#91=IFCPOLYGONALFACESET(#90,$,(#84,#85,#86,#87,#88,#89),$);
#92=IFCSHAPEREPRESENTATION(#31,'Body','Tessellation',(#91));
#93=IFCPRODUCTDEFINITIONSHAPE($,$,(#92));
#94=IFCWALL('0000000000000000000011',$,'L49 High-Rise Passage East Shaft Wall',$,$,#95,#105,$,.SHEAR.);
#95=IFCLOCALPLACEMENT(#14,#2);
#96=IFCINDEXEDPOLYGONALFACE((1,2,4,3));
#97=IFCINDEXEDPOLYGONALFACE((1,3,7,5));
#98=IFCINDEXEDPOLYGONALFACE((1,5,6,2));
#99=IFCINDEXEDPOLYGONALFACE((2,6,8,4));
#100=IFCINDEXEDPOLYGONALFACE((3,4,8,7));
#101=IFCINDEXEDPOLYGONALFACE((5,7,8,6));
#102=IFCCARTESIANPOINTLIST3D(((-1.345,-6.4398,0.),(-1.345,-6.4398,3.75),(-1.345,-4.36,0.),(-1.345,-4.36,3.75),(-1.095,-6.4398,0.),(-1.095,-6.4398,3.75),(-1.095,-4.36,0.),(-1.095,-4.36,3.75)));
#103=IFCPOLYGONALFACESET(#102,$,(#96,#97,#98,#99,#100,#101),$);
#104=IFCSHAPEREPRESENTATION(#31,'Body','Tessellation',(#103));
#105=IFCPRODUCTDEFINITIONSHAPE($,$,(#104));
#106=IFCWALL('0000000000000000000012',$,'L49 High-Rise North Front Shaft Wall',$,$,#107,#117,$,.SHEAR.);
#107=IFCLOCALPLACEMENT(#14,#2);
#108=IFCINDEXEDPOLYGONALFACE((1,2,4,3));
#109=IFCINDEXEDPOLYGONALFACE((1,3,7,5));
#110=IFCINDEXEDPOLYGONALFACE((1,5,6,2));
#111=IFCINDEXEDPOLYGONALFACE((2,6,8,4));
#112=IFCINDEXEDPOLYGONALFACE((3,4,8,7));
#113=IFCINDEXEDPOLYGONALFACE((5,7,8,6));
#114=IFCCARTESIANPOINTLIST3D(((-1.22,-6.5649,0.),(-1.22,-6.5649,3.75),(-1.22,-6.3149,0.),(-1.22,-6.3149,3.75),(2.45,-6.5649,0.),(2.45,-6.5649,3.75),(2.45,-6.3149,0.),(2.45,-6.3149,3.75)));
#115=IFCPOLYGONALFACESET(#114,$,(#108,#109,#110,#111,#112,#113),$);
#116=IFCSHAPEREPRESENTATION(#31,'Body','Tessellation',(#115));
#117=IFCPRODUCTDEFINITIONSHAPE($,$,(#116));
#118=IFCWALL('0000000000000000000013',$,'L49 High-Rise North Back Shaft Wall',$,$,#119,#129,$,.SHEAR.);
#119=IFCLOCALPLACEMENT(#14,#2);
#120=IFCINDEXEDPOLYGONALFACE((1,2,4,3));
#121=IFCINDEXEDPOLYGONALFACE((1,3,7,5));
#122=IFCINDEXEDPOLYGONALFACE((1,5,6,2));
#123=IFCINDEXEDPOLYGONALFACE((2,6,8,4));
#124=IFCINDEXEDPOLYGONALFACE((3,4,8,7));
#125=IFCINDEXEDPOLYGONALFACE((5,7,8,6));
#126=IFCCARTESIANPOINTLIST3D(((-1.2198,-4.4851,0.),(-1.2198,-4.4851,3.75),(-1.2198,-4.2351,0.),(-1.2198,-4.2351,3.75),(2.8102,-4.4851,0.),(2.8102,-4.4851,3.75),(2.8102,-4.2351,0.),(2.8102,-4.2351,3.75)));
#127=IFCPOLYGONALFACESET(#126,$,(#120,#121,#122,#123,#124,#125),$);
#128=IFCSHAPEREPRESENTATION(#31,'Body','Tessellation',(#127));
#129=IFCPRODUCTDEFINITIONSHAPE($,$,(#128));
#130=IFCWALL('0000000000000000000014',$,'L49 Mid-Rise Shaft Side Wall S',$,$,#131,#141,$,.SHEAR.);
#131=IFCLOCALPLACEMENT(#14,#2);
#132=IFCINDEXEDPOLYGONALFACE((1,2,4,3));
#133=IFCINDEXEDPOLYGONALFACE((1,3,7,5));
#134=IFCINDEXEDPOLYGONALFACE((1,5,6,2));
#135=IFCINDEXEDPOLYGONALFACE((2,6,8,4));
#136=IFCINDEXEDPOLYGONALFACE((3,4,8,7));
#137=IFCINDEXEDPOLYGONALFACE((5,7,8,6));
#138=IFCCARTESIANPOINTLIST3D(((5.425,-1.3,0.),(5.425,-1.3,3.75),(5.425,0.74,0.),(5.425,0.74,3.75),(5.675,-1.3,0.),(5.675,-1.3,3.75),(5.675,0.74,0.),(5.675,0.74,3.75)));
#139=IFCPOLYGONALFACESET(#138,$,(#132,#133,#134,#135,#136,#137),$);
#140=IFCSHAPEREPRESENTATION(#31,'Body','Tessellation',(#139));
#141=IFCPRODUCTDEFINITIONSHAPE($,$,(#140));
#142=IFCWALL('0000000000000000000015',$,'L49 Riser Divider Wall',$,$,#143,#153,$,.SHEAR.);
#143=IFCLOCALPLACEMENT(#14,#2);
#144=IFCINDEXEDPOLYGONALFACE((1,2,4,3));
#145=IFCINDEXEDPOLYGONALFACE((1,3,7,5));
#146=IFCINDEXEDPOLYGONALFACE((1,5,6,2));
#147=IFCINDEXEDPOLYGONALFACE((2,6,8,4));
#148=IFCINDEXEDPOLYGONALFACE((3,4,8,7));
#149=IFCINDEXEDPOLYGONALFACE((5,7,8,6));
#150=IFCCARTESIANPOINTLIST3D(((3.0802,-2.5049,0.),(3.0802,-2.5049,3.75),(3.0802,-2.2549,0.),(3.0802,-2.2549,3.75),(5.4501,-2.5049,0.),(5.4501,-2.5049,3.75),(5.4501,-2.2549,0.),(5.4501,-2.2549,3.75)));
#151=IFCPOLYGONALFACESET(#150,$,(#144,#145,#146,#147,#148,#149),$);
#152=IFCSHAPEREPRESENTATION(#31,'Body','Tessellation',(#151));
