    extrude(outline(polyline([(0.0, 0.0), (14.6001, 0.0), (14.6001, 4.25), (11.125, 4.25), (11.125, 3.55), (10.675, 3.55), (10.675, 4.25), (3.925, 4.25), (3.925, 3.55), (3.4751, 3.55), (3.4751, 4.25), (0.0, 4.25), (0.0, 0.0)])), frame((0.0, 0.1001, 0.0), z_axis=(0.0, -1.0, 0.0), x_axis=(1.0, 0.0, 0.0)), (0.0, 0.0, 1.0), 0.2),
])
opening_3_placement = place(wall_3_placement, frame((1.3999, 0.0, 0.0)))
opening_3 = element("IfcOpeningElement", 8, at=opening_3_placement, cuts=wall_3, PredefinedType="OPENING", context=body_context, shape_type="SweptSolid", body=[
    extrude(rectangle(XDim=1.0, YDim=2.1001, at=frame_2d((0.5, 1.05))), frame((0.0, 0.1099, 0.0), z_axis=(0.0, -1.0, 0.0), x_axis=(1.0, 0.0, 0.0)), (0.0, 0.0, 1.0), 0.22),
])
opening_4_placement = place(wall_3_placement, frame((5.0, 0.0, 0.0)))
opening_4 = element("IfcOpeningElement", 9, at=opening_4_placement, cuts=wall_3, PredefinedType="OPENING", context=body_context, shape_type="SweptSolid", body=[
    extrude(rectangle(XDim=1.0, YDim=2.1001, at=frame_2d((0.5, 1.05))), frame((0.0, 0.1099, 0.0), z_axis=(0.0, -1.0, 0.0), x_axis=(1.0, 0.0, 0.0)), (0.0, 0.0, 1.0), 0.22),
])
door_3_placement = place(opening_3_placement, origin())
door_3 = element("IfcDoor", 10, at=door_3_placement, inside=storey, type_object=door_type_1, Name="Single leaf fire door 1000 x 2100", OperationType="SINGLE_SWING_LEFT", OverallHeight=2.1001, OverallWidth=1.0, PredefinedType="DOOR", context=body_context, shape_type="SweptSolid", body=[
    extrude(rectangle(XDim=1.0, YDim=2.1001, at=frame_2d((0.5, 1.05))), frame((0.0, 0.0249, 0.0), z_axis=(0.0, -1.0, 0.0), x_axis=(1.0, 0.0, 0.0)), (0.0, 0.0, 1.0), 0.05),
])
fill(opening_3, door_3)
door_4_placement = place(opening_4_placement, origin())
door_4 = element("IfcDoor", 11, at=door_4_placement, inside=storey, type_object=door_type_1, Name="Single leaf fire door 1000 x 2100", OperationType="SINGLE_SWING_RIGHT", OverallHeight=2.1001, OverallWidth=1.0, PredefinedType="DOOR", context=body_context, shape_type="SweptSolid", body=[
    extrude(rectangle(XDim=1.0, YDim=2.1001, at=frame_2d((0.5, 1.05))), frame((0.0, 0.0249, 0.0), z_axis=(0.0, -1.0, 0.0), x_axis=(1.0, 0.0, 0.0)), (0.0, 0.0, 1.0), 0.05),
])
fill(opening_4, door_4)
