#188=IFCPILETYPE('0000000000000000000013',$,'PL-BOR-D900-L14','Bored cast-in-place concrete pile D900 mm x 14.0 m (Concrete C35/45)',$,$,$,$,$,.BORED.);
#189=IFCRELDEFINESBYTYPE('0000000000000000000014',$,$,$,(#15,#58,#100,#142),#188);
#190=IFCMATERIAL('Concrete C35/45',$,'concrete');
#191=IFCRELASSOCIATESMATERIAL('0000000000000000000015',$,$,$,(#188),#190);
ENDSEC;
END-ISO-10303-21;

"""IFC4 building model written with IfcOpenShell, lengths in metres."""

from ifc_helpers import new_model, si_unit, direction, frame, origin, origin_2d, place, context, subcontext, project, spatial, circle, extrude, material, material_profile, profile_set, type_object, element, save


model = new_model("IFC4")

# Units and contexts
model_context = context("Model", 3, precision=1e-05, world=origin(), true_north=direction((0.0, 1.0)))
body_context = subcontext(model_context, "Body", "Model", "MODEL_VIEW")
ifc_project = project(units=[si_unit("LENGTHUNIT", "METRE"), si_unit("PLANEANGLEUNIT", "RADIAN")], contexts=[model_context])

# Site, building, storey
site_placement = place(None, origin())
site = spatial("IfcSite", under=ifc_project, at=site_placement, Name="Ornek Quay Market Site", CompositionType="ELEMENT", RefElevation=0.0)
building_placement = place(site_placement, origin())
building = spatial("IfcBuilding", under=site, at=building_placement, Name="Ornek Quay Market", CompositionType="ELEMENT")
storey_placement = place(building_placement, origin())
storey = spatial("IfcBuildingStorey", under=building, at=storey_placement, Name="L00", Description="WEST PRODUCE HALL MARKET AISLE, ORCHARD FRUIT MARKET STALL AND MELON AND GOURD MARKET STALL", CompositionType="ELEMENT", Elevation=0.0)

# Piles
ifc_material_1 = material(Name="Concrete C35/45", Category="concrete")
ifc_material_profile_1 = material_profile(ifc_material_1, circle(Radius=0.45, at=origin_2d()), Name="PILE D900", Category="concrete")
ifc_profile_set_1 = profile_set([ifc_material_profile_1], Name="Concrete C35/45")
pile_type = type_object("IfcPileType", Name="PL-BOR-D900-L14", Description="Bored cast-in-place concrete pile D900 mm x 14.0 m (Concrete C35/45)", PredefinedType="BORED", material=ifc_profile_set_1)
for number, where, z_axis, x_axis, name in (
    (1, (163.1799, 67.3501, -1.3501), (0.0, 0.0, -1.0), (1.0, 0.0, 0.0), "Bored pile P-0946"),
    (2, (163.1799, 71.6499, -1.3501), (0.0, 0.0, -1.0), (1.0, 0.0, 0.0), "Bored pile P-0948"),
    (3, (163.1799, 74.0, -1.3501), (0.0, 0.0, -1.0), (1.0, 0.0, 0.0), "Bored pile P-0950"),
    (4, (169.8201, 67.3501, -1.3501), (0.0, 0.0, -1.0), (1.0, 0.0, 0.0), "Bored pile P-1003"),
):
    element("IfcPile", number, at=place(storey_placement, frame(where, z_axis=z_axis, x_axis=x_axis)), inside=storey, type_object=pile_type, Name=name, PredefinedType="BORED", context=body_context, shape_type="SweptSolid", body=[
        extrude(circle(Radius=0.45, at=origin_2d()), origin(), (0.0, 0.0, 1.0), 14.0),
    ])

□ □ □ □

Your answer should be the lines of the listing above between the line holding "fill(opening_3, door_3)" and the line holding "building_placement = place(site_placement, origin())", inclusive, restated word for word and alone.

fill(opening_3, door_3)
door_4_placement = place(opening_4_placement, origin())
door_4 = element("IfcDoor", 11, at=door_4_placement, inside=storey, type_object=door_type_1, Name="Single leaf fire door 1000 x 2100", OperationType="SINGLE_SWING_RIGHT", OverallHeight=2.1001, OverallWidth=1.0, PredefinedType="DOOR", context=body_context, shape_type="SweptSolid", body=[
    extrude(rectangle(XDim=1.0, YDim=2.1001, at=frame_2d((0.5, 1.05))), frame((0.0, 0.0249, 0.0), z_axis=(0.0, -1.0, 0.0), x_axis=(1.0, 0.0, 0.0)), (0.0, 0.0, 1.0), 0.05),
])
fill(opening_4, door_4)
#188=IFCPILETYPE('0000000000000000000013',$,'PL-BOR-D900-L14','Bored cast-in-place concrete pile D900 mm x 14.0 m (Concrete C35/45)',$,$,$,$,$,.BORED.);
#189=IFCRELDEFINESBYTYPE('0000000000000000000014',$,$,$,(#15,#58,#100,#142),#188);
#190=IFCMATERIAL('Concrete C35/45',$,'concrete');
#191=IFCRELASSOCIATESMATERIAL('0000000000000000000015',$,$,$,(#188),#190);
ENDSEC;
END-ISO-10303-21;

"""IFC4 building model written with IfcOpenShell, lengths in metres."""

from ifc_helpers import new_model, si_unit, direction, frame, origin, origin_2d, place, context, subcontext, project, spatial, circle, extrude, material, material_profile, profile_set, type_object, element, save


model = new_model("IFC4")

# Units and contexts
model_context = context("Model", 3, precision=1e-05, world=origin(), true_north=direction((0.0, 1.0)))
body_context = subcontext(model_context, "Body", "Model", "MODEL_VIEW")
ifc_project = project(units=[si_unit("LENGTHUNIT", "METRE"), si_unit("PLANEANGLEUNIT", "RADIAN")], contexts=[model_context])

# Site, building, storey
site_placement = place(None, origin())
site = spatial("IfcSite", under=ifc_project, at=site_placement, Name="Ornek Quay Market Site", CompositionType="ELEMENT", RefElevation=0.0)
building_placement = place(site_placement, origin())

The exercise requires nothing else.